Content starts
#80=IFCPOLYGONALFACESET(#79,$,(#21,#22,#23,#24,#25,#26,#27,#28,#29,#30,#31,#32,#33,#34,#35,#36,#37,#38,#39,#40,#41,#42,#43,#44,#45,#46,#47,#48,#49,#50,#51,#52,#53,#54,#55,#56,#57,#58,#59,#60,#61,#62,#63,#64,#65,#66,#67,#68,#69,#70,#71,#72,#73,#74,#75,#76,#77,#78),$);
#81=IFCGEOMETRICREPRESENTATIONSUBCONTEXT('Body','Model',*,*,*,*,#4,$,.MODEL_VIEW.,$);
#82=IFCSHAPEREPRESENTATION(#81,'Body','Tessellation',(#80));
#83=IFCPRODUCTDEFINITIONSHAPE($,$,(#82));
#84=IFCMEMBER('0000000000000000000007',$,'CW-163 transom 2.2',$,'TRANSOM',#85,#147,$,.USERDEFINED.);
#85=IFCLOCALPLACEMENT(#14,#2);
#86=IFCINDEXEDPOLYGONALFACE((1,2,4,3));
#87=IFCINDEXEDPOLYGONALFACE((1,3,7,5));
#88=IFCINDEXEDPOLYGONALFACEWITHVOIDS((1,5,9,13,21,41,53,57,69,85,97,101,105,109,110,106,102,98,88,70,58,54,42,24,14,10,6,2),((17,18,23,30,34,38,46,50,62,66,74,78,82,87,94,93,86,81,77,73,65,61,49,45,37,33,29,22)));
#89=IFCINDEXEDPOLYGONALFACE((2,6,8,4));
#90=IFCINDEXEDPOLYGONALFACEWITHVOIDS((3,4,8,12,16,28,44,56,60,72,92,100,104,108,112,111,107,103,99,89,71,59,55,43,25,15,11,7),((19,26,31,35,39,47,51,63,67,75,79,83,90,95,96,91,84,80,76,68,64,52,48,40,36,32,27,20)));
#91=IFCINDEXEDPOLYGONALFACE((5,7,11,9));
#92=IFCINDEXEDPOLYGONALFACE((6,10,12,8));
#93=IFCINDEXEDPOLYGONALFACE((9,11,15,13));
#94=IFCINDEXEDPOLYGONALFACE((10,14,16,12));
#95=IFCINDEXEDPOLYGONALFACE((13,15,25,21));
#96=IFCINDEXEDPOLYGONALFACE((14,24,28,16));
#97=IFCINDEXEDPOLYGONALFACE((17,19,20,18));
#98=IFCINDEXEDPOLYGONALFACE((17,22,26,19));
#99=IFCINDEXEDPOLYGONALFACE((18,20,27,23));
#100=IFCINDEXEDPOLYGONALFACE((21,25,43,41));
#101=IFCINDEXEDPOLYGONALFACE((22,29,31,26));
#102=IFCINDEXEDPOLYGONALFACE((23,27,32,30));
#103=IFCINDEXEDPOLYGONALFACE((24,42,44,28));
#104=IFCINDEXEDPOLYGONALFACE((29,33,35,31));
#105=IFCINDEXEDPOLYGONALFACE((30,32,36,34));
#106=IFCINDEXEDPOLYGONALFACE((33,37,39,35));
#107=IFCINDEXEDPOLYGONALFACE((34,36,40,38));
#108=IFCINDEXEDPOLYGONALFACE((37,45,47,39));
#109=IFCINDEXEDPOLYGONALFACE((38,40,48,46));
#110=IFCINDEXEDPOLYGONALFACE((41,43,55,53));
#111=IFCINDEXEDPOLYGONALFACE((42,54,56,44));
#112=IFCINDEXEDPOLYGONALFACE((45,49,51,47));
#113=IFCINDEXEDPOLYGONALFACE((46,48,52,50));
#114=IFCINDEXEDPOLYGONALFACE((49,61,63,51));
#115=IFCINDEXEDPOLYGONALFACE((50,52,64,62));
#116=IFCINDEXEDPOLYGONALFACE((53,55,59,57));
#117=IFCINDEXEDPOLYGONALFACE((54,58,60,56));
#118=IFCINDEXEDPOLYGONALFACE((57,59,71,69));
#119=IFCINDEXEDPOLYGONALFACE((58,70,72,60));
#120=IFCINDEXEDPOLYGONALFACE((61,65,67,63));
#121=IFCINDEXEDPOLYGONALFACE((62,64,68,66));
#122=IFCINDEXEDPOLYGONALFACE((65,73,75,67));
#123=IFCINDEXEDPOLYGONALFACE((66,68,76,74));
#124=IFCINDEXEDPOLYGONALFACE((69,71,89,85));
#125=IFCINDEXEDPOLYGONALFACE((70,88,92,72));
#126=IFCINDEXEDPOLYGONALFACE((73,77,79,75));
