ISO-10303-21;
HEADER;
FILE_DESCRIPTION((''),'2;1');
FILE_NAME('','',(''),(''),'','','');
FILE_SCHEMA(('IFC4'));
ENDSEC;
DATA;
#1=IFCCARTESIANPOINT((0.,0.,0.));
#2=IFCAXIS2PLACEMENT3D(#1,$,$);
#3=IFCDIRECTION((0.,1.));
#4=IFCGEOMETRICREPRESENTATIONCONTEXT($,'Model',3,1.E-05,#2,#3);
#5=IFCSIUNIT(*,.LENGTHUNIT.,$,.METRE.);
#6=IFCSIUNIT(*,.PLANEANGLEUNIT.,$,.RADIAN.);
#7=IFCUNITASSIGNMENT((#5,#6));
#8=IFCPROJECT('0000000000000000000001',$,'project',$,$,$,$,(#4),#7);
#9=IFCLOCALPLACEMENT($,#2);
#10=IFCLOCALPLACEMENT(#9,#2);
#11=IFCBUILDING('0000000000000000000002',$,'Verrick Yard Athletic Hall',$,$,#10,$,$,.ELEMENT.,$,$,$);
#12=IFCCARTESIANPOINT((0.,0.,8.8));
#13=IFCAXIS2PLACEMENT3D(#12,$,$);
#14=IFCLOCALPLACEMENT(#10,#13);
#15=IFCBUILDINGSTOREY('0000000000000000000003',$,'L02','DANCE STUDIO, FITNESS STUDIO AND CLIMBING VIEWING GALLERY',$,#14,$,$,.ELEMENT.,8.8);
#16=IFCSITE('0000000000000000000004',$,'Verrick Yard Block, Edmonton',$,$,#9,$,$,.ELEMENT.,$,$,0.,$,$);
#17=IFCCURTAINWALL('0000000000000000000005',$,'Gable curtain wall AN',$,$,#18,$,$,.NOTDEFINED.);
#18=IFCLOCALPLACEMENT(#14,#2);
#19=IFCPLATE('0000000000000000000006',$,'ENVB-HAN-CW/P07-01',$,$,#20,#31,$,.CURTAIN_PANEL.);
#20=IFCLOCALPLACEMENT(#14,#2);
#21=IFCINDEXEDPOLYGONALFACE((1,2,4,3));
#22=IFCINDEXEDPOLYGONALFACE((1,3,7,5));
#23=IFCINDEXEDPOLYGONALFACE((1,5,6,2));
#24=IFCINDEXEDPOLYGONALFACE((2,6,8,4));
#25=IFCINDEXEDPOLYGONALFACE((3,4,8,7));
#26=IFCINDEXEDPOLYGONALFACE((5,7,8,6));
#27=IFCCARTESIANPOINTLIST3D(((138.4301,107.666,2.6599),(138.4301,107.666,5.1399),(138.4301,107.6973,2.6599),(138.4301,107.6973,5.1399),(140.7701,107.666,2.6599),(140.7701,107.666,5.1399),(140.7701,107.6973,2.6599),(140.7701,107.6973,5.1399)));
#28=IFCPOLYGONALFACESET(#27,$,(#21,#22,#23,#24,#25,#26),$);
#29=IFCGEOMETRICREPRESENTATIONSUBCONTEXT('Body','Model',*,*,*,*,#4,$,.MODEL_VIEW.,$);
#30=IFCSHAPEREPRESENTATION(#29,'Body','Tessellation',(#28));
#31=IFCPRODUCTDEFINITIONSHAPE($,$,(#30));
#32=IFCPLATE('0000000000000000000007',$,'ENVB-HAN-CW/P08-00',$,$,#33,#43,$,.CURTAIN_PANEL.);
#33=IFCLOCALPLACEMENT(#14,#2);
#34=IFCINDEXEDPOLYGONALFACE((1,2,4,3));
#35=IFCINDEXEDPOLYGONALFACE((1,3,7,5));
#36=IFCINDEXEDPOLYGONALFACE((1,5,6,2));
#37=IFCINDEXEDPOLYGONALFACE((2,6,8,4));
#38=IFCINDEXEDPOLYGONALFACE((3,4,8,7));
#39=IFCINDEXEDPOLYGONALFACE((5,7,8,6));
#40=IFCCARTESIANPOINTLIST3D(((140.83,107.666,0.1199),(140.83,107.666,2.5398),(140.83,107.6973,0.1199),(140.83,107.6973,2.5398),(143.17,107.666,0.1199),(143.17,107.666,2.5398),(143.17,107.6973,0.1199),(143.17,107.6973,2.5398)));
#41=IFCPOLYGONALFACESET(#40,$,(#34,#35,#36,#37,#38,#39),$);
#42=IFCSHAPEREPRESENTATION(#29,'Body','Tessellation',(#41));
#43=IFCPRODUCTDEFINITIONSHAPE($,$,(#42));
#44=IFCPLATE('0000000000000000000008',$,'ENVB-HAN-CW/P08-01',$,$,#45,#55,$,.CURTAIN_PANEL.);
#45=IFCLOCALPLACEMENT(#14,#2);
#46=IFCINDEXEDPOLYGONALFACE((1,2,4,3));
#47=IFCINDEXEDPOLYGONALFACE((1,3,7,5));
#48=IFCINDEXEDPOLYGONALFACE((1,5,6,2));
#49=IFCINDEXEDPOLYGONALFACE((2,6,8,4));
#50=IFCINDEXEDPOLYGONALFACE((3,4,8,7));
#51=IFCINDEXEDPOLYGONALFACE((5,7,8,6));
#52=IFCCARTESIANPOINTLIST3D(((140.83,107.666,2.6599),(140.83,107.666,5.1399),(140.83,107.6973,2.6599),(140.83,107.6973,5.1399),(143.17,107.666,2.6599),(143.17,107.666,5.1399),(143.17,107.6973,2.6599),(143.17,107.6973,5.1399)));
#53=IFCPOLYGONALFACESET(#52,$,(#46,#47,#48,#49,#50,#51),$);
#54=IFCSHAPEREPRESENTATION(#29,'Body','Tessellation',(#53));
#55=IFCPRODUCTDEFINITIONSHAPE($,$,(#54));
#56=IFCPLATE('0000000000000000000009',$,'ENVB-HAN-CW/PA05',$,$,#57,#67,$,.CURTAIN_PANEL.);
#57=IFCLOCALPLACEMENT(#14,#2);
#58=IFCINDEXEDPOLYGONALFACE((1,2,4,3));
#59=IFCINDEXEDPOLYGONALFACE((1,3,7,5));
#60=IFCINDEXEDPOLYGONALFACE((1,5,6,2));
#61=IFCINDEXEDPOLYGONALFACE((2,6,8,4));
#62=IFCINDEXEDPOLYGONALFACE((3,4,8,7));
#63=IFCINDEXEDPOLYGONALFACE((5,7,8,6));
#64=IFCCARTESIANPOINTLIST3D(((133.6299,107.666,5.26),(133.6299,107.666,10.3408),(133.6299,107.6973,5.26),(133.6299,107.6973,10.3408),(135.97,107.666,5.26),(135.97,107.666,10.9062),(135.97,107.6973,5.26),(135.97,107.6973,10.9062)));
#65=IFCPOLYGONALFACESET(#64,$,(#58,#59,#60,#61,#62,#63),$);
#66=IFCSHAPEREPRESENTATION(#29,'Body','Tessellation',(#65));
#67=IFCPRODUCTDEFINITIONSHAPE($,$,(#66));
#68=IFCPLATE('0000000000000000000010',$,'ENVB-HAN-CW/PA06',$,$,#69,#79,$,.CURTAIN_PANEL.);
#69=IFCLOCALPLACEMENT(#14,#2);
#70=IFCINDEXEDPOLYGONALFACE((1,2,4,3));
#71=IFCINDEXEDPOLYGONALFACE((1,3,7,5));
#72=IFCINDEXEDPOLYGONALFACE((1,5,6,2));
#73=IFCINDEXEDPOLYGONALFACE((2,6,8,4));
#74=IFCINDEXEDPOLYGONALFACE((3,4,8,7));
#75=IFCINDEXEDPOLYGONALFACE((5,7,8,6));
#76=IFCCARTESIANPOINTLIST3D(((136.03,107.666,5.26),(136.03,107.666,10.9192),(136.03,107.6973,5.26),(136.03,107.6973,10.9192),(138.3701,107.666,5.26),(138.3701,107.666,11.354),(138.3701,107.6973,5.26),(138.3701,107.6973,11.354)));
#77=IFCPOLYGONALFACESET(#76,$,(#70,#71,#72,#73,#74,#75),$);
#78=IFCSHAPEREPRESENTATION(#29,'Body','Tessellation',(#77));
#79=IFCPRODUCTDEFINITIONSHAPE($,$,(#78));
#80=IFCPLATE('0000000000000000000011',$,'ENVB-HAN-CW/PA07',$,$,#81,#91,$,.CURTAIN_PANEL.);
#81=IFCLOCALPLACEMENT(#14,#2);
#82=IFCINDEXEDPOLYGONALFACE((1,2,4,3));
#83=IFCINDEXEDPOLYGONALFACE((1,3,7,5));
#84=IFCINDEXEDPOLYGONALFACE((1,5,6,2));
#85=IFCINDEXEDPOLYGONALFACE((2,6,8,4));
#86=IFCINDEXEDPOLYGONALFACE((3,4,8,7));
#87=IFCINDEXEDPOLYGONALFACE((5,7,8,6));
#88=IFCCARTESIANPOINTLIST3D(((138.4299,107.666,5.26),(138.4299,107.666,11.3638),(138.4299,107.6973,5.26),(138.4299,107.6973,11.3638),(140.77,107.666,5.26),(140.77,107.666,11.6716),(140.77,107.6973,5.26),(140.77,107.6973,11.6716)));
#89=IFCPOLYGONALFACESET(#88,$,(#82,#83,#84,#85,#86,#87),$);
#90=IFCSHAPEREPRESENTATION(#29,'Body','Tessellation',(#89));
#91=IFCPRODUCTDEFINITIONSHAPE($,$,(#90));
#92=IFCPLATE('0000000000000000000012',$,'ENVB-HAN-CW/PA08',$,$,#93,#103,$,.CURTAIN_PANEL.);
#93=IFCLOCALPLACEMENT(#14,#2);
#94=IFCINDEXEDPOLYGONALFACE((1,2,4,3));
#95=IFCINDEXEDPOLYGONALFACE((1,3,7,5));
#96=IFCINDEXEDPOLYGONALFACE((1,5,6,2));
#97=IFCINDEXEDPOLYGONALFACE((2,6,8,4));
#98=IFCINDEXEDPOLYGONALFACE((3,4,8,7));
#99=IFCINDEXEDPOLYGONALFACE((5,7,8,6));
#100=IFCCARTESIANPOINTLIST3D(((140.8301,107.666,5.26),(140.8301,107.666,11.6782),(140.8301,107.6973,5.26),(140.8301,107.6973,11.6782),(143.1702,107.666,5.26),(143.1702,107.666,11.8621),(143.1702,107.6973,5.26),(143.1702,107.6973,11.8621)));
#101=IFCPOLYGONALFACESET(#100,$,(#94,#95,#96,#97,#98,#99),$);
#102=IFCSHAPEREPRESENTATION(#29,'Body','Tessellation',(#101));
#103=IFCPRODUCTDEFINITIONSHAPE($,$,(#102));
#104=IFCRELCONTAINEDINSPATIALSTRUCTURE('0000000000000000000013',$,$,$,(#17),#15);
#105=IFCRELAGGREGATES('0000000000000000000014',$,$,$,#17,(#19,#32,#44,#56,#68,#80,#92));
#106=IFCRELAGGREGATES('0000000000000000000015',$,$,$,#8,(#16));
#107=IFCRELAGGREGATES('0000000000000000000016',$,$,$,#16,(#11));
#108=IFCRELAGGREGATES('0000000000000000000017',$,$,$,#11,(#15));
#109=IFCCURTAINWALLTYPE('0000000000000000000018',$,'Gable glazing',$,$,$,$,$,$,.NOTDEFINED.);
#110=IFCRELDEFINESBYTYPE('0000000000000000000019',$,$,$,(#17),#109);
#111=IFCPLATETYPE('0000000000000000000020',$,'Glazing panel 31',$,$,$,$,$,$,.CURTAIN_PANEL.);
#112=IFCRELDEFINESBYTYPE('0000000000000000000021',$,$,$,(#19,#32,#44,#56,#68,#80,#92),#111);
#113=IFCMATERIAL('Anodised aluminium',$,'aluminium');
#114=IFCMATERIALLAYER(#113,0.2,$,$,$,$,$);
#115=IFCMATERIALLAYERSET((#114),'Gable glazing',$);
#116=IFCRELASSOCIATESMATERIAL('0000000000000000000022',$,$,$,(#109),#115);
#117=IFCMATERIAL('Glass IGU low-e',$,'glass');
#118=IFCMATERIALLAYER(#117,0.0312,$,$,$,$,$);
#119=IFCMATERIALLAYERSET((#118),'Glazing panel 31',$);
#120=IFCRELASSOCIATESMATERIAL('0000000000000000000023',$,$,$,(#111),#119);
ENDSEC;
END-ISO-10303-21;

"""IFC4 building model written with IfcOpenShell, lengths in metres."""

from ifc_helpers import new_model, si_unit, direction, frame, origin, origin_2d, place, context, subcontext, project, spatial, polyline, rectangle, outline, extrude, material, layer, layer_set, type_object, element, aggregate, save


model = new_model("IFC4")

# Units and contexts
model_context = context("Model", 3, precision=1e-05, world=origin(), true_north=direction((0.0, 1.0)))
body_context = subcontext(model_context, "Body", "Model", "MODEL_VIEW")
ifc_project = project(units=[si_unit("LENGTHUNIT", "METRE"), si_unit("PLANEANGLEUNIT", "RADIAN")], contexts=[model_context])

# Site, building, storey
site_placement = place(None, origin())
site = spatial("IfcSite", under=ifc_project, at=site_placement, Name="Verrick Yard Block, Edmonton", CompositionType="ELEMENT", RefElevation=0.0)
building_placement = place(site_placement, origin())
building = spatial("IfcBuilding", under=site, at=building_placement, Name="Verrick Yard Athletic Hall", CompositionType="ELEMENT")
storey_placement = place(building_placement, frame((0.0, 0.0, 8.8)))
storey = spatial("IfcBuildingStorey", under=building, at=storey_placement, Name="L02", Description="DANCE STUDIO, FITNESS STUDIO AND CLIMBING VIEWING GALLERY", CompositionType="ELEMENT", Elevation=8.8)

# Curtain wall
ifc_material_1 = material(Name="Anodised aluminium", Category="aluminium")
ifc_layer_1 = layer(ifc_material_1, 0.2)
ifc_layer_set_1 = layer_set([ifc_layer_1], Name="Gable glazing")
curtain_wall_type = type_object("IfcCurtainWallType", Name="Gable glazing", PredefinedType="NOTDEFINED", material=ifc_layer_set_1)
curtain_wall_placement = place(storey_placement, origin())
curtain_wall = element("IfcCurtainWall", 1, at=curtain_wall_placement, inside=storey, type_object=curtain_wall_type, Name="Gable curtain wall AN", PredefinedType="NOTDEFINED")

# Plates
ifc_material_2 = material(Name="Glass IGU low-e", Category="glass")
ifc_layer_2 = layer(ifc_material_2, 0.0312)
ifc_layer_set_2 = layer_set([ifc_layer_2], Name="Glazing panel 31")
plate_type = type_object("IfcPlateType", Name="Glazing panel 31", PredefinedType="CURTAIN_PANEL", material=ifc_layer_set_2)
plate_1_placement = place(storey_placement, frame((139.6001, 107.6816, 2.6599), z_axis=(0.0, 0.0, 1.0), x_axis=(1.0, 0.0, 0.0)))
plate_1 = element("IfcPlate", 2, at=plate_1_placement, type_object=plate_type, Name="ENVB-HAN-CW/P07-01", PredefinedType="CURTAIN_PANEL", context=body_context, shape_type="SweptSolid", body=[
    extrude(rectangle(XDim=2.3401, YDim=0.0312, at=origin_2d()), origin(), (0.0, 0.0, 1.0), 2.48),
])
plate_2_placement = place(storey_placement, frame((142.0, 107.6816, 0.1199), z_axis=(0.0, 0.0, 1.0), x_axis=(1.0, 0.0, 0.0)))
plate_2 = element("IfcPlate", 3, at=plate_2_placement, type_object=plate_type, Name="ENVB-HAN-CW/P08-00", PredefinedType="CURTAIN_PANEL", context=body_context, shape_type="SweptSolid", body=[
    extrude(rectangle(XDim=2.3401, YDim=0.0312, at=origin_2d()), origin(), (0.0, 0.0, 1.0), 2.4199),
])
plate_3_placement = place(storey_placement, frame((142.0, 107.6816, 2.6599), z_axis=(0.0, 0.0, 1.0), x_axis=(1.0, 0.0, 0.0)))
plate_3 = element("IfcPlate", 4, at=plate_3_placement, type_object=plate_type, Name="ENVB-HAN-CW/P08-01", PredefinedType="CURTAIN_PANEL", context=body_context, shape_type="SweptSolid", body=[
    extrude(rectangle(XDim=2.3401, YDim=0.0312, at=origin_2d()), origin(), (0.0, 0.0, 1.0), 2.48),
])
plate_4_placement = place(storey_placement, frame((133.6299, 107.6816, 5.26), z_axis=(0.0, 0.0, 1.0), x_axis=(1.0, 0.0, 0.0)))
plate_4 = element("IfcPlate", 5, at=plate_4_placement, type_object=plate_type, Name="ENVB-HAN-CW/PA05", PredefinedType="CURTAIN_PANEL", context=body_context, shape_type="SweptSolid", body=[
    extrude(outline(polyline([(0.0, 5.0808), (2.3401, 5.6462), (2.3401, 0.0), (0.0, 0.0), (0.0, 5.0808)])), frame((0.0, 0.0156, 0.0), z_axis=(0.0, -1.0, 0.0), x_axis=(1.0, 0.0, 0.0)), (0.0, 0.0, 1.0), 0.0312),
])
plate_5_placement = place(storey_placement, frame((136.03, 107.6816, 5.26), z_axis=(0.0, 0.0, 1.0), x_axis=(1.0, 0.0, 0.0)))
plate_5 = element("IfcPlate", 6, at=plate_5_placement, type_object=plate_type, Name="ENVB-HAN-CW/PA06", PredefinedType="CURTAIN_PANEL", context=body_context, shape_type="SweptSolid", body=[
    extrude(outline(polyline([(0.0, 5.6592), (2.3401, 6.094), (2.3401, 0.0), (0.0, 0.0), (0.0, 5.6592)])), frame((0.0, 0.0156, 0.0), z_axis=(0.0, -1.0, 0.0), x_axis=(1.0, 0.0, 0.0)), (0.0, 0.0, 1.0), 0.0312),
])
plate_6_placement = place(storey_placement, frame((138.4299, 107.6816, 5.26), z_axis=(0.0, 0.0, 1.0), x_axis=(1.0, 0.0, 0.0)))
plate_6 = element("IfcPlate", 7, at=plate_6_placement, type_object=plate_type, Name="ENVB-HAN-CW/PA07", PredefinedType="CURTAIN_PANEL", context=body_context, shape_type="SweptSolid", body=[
Content ends
◆ WORK INSTRUCTIONS ◆
Only the lines above from the one with "#89=IFCINDEXEDPOLYGONALFACE((2,6,8,4));" up to and including the one with "#94=IFCINDEXEDPOLYGONALFACE((10,14,16,12));" should be repeated, exactly as written.

◆ OUTPUT FOR THIS TASK ◆
#89=IFCINDEXEDPOLYGONALFACE((2,6,8,4));
#90=IFCINDEXEDPOLYGONALFACEWITHVOIDS((3,4,8,12,16,28,44,56,60,72,92,100,104,108,112,111,107,103,99,89,71,59,55,43,25,15,11,7),((19,26,31,35,39,47,51,63,67,75,79,83,90,95,96,91,84,80,76,68,64,52,48,40,36,32,27,20)));
#91=IFCINDEXEDPOLYGONALFACE((5,7,11,9));
#92=IFCINDEXEDPOLYGONALFACE((6,10,12,8));
#93=IFCINDEXEDPOLYGONALFACE((9,11,15,13));
#94=IFCINDEXEDPOLYGONALFACE((10,14,16,12));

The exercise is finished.